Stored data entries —
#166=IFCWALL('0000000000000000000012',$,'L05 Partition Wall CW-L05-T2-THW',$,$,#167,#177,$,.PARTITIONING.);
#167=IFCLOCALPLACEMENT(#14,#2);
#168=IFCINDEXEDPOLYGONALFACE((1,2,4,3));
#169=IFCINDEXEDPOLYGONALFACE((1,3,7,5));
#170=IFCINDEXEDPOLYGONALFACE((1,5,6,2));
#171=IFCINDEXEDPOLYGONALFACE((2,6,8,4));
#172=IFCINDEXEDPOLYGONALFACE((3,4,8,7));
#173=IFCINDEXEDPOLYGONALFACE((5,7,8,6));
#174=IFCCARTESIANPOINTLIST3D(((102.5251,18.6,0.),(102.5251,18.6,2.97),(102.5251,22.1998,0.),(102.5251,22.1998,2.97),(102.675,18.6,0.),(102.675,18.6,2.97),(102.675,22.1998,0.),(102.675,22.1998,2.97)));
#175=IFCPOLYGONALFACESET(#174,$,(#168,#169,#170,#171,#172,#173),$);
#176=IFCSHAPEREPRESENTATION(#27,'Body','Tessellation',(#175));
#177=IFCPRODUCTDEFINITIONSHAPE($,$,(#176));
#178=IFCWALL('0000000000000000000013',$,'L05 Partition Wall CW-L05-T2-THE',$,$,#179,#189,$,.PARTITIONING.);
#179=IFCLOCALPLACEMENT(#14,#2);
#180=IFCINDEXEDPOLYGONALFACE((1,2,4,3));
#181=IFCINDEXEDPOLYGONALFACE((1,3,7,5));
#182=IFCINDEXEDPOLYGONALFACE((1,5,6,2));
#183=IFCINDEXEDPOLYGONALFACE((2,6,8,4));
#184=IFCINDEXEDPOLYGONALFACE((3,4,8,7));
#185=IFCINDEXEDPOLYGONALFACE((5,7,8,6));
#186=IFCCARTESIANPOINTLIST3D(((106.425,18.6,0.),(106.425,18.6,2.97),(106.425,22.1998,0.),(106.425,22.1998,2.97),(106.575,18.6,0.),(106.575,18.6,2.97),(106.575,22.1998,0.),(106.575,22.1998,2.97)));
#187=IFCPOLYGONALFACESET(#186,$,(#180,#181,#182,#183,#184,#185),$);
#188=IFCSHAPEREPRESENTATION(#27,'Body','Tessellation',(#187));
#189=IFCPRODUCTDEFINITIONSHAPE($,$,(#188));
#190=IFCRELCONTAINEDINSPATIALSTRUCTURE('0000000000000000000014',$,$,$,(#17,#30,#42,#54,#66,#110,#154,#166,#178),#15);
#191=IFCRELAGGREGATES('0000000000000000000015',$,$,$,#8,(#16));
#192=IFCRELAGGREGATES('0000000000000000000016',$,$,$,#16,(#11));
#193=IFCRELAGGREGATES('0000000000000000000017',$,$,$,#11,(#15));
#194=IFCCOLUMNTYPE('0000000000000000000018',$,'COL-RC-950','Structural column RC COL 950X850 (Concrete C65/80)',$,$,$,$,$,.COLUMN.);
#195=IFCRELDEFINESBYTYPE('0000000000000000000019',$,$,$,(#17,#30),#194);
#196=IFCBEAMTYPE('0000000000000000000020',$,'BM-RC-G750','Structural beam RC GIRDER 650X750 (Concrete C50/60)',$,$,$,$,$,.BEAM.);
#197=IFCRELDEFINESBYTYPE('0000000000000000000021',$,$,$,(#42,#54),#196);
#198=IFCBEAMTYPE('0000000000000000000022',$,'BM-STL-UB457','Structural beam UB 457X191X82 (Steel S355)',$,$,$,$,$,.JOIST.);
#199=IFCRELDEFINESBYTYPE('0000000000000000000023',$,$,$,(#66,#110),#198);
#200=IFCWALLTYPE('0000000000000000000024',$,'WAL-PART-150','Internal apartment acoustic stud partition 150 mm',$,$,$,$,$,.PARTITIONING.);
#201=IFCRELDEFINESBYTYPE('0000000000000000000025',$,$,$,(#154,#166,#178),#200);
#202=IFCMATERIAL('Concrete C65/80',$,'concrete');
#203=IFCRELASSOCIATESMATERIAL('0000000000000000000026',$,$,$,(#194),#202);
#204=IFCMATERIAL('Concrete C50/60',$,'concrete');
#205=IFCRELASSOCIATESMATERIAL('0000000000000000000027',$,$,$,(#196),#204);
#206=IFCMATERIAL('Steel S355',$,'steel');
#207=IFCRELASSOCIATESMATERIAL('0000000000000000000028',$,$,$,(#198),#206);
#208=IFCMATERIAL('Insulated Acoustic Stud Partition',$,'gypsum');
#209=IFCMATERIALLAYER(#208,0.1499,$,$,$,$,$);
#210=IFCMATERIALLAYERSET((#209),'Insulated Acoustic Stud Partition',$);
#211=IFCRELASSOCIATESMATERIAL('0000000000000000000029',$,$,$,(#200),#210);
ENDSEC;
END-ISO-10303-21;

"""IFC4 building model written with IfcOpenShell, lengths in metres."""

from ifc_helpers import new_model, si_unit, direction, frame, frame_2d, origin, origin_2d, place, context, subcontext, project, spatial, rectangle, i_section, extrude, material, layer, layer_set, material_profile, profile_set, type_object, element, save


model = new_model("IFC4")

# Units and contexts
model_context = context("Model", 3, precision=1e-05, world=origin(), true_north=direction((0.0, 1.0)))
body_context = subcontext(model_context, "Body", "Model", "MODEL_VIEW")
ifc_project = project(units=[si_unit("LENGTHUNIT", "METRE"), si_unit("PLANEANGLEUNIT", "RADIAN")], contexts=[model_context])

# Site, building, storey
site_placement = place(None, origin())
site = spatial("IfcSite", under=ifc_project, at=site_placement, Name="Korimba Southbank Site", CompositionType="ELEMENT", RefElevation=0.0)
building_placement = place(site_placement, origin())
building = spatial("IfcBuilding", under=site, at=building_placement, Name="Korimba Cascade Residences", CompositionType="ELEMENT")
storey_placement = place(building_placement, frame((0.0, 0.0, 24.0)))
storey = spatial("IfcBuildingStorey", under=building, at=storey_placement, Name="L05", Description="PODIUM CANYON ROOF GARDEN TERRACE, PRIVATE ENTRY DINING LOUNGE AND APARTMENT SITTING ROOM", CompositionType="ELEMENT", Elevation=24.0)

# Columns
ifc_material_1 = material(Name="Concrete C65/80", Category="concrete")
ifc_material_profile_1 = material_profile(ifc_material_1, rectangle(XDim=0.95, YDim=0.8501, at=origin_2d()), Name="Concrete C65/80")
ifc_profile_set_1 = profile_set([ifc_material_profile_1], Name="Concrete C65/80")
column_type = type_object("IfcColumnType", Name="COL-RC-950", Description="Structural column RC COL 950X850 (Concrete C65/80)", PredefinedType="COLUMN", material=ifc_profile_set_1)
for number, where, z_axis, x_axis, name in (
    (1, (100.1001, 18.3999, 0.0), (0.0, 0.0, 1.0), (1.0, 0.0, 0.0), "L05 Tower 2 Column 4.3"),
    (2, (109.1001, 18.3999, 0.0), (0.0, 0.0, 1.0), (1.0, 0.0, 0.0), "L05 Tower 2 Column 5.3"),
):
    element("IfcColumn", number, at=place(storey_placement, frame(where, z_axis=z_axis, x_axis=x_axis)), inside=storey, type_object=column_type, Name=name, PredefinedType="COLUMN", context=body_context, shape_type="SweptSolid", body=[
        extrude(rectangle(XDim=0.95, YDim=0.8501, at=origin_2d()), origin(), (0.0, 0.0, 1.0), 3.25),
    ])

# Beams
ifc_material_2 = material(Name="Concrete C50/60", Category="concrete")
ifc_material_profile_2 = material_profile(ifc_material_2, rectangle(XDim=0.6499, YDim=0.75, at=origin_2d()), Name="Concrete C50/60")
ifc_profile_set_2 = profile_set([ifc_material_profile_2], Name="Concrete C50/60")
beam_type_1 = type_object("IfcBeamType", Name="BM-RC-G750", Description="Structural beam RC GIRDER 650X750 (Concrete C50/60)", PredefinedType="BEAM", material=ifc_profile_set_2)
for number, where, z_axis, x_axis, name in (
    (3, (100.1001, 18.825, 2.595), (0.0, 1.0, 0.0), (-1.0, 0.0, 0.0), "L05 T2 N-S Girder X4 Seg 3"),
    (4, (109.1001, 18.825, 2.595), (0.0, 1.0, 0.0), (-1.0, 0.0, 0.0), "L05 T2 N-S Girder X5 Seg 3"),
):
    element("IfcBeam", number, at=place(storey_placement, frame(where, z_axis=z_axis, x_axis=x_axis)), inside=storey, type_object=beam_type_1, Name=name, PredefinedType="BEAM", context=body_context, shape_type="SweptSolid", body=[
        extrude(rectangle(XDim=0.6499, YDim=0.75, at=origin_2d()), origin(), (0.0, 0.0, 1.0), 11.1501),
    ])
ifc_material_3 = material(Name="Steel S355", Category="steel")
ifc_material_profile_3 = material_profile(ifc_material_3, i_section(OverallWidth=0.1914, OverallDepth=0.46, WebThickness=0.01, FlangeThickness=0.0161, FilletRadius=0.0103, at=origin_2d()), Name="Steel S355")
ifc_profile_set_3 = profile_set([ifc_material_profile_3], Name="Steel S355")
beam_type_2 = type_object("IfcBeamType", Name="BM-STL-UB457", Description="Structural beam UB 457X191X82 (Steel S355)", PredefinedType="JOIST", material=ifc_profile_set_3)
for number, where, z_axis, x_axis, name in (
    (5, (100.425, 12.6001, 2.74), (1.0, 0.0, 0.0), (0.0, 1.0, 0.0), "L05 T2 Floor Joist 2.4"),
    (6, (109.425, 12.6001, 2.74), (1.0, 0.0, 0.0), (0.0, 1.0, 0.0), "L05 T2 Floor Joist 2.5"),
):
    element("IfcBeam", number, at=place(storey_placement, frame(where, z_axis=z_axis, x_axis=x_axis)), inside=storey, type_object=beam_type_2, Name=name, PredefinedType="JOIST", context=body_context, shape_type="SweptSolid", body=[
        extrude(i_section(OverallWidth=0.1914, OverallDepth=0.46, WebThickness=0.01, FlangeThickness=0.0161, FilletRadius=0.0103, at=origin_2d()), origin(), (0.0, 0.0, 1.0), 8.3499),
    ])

TASK REQUIREMENTS — Set down, exactly as they appear, the lines above from the first one to the line that holds "#193=IFCRELAGGREGATES('0000000000000000000017',$,$,$,#11,(#15));", both included, please, and no others.

RESPONSE TO THIS EXERCISE —
#166=IFCWALL('0000000000000000000012',$,'L05 Partition Wall CW-L05-T2-THW',$,$,#167,#177,$,.PARTITIONING.);
#167=IFCLOCALPLACEMENT(#14,#2);
#168=IFCINDEXEDPOLYGONALFACE((1,2,4,3));
#169=IFCINDEXEDPOLYGONALFACE((1,3,7,5));
#170=IFCINDEXEDPOLYGONALFACE((1,5,6,2));
#171=IFCINDEXEDPOLYGONALFACE((2,6,8,4));
#172=IFCINDEXEDPOLYGONALFACE((3,4,8,7));
#173=IFCINDEXEDPOLYGONALFACE((5,7,8,6));
#174=IFCCARTESIANPOINTLIST3D(((102.5251,18.6,0.),(102.5251,18.6,2.97),(102.5251,22.1998,0.),(102.5251,22.1998,2.97),(102.675,18.6,0.),(102.675,18.6,2.97),(102.675,22.1998,0.),(102.675,22.1998,2.97)));
#175=IFCPOLYGONALFACESET(#174,$,(#168,#169,#170,#171,#172,#173),$);
#176=IFCSHAPEREPRESENTATION(#27,'Body','Tessellation',(#175));
#177=IFCPRODUCTDEFINITIONSHAPE($,$,(#176));
#178=IFCWALL('0000000000000000000013',$,'L05 Partition Wall CW-L05-T2-THE',$,$,#179,#189,$,.PARTITIONING.);
#179=IFCLOCALPLACEMENT(#14,#2);
#180=IFCINDEXEDPOLYGONALFACE((1,2,4,3));
#181=IFCINDEXEDPOLYGONALFACE((1,3,7,5));
#182=IFCINDEXEDPOLYGONALFACE((1,5,6,2));
#183=IFCINDEXEDPOLYGONALFACE((2,6,8,4));
#184=IFCINDEXEDPOLYGONALFACE((3,4,8,7));
#185=IFCINDEXEDPOLYGONALFACE((5,7,8,6));
#186=IFCCARTESIANPOINTLIST3D(((106.425,18.6,0.),(106.425,18.6,2.97),(106.425,22.1998,0.),(106.425,22.1998,2.97),(106.575,18.6,0.),(106.575,18.6,2.97),(106.575,22.1998,0.),(106.575,22.1998,2.97)));
#187=IFCPOLYGONALFACESET(#186,$,(#180,#181,#182,#183,#184,#185),$);
#188=IFCSHAPEREPRESENTATION(#27,'Body','Tessellation',(#187));
#189=IFCPRODUCTDEFINITIONSHAPE($,$,(#188));
#190=IFCRELCONTAINEDINSPATIALSTRUCTURE('0000000000000000000014',$,$,$,(#17,#30,#42,#54,#66,#110,#154,#166,#178),#15);
#191=IFCRELAGGREGATES('0000000000000000000015',$,$,$,#8,(#16));
#192=IFCRELAGGREGATES('0000000000000000000016',$,$,$,#16,(#11));
#193=IFCRELAGGREGATES('0000000000000000000017',$,$,$,#11,(#15));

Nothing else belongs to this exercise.